**The input**:
********
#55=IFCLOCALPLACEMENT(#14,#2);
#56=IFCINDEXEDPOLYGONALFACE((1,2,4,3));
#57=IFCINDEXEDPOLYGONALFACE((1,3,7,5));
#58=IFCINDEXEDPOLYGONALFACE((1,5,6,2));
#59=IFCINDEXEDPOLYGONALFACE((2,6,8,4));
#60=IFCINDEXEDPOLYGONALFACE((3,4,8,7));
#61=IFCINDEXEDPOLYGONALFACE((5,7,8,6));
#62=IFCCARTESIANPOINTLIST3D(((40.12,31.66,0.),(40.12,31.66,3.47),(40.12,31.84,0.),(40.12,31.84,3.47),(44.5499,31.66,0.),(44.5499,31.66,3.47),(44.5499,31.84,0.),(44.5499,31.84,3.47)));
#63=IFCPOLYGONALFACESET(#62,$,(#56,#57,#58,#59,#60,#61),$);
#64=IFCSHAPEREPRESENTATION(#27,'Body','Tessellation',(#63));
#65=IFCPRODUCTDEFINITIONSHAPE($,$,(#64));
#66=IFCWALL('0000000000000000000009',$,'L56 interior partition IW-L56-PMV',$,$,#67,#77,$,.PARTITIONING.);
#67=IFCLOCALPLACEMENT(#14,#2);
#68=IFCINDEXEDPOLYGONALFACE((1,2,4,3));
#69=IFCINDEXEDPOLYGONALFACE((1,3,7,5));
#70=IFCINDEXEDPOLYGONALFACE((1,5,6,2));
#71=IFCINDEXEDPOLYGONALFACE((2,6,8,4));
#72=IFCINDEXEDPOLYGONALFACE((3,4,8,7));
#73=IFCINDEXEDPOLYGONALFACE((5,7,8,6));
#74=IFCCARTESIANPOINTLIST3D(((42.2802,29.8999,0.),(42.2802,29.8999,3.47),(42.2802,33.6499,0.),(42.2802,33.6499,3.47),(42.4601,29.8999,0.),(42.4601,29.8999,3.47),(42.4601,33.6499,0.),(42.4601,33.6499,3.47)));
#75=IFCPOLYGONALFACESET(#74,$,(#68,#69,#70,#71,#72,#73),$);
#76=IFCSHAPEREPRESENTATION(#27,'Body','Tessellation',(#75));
********
**Assignment**: There is a line above that contains "#67=IFCLOCALPLACEMENT(#14,#2);". Copy it and all later lines through the last, exactly, and leave out the rest.

**Task answer**:
#67=IFCLOCALPLACEMENT(#14,#2);
#68=IFCINDEXEDPOLYGONALFACE((1,2,4,3));
#69=IFCINDEXEDPOLYGONALFACE((1,3,7,5));
#70=IFCINDEXEDPOLYGONALFACE((1,5,6,2));
#71=IFCINDEXEDPOLYGONALFACE((2,6,8,4));
#72=IFCINDEXEDPOLYGONALFACE((3,4,8,7));
#73=IFCINDEXEDPOLYGONALFACE((5,7,8,6));
#74=IFCCARTESIANPOINTLIST3D(((42.2802,29.8999,0.),(42.2802,29.8999,3.47),(42.2802,33.6499,0.),(42.2802,33.6499,3.47),(42.4601,29.8999,0.),(42.4601,29.8999,3.47),(42.4601,33.6499,0.),(42.4601,33.6499,3.47)));
#75=IFCPOLYGONALFACESET(#74,$,(#68,#69,#70,#71,#72,#73),$);
#76=IFCSHAPEREPRESENTATION(#27,'Body','Tessellation',(#75));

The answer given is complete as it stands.